*Assignment*: Whenever a line of the data below holds the string "direction", copy that line.

────────

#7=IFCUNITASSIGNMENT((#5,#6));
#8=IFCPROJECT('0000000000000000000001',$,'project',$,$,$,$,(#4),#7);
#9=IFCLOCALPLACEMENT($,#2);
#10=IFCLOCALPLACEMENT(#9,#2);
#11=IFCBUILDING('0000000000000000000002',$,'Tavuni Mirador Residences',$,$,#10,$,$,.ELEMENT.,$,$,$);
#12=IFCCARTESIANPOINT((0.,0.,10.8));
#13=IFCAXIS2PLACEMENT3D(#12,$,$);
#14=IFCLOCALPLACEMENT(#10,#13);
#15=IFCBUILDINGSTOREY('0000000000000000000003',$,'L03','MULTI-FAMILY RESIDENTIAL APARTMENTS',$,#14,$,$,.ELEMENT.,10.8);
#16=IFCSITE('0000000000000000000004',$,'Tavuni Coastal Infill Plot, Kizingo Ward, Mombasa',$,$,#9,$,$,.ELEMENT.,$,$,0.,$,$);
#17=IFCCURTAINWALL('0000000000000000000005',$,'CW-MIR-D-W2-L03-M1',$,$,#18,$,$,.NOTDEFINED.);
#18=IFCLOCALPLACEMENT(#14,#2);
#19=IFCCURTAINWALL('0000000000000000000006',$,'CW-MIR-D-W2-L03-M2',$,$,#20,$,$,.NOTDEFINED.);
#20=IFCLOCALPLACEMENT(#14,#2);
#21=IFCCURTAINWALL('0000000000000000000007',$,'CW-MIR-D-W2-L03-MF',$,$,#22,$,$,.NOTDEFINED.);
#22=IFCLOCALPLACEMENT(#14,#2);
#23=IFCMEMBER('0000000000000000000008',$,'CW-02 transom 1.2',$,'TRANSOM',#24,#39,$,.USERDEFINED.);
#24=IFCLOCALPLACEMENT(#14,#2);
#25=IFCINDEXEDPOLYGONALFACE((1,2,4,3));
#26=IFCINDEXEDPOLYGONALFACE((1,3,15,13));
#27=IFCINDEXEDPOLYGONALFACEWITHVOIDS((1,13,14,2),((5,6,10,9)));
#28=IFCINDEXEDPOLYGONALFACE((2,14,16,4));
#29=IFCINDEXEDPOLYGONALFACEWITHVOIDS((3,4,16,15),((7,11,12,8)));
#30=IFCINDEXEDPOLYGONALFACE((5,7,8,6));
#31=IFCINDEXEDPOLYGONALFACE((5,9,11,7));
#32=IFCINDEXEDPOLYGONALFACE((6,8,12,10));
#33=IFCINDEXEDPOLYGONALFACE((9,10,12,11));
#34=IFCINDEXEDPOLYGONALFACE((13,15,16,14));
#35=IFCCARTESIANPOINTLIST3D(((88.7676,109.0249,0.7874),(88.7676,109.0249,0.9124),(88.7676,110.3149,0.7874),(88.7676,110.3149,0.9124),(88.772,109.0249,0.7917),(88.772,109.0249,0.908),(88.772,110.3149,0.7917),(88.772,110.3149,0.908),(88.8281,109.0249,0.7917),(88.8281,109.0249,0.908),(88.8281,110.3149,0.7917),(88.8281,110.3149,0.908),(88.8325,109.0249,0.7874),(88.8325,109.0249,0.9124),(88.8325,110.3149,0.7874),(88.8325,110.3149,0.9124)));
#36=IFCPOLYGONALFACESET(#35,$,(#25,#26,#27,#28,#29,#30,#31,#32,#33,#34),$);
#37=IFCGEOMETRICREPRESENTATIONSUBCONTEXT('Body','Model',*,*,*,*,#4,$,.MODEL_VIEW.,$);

────────

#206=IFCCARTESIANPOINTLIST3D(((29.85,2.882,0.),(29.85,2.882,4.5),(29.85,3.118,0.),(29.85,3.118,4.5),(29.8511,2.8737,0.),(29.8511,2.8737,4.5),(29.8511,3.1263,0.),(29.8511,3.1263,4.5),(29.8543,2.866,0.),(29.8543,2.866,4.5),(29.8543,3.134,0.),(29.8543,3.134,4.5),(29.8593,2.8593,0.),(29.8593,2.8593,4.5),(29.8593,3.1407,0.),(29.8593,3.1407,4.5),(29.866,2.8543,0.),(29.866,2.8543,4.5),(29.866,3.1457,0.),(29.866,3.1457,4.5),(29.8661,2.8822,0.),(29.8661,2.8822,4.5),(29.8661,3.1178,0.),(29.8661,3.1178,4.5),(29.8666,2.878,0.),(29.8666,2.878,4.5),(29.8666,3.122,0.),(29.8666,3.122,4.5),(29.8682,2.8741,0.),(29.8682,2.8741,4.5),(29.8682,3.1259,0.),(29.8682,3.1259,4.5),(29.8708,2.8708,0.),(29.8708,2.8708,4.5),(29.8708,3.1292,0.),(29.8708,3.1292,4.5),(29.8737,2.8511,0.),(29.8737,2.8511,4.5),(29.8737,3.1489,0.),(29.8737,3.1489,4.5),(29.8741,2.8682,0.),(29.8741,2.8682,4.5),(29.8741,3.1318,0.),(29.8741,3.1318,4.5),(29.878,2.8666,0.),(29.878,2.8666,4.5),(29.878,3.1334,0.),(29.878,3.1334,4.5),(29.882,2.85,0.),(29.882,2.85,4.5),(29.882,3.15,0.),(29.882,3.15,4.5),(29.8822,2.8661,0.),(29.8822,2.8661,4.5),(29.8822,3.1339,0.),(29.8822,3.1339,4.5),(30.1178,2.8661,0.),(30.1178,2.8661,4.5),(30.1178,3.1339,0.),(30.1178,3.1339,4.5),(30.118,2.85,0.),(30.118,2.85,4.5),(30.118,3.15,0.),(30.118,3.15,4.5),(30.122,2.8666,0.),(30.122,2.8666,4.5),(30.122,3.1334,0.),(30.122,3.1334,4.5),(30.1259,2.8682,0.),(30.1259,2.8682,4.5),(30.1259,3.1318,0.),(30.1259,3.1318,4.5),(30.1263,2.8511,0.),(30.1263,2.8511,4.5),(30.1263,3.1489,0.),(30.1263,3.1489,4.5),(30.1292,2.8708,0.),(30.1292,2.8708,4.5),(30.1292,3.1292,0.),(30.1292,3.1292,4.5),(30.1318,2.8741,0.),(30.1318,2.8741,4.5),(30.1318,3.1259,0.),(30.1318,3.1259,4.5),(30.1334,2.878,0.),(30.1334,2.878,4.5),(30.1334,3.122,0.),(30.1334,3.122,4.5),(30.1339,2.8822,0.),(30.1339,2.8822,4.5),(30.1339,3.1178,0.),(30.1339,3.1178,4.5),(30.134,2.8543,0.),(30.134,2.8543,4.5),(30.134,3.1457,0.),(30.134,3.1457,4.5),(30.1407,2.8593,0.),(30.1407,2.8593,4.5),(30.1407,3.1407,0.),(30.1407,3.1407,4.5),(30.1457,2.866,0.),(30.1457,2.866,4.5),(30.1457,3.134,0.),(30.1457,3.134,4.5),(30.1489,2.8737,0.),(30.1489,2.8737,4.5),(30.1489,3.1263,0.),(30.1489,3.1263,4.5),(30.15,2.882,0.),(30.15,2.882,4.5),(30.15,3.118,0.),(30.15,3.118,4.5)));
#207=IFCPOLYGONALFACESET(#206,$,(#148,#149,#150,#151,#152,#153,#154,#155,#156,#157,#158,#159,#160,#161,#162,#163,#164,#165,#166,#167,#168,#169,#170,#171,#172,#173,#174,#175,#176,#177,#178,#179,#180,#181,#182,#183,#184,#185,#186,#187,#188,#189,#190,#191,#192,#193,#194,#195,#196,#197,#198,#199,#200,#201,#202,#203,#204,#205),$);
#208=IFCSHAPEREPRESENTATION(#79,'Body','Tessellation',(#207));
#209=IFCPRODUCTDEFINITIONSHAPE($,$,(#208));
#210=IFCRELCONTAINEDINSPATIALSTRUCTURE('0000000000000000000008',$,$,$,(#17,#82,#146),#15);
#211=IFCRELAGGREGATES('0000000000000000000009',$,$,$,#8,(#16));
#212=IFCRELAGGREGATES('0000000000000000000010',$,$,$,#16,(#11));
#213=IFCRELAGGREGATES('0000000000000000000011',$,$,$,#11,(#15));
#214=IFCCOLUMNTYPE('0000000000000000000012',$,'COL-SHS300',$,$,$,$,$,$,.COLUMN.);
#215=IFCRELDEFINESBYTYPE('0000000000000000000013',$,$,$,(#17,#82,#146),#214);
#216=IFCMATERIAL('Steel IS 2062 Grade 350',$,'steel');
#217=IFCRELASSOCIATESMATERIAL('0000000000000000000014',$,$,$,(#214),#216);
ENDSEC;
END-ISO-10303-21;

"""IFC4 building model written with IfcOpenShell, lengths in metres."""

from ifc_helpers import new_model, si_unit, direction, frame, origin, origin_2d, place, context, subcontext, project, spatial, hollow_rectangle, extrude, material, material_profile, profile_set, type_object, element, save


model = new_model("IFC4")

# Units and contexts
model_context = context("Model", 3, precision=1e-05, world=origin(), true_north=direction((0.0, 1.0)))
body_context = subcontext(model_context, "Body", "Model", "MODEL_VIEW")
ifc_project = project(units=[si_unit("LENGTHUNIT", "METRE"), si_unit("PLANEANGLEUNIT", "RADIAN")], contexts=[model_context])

────────

*Exercise output*:
from ifc_helpers import new_model, si_unit, direction, frame, origin, origin_2d, place, context, subcontext, project, spatial, hollow_rectangle, extrude, material, material_profile, profile_set, type_object, element, save
model_context = context("Model", 3, precision=1e-05, world=origin(), true_north=direction((0.0, 1.0)))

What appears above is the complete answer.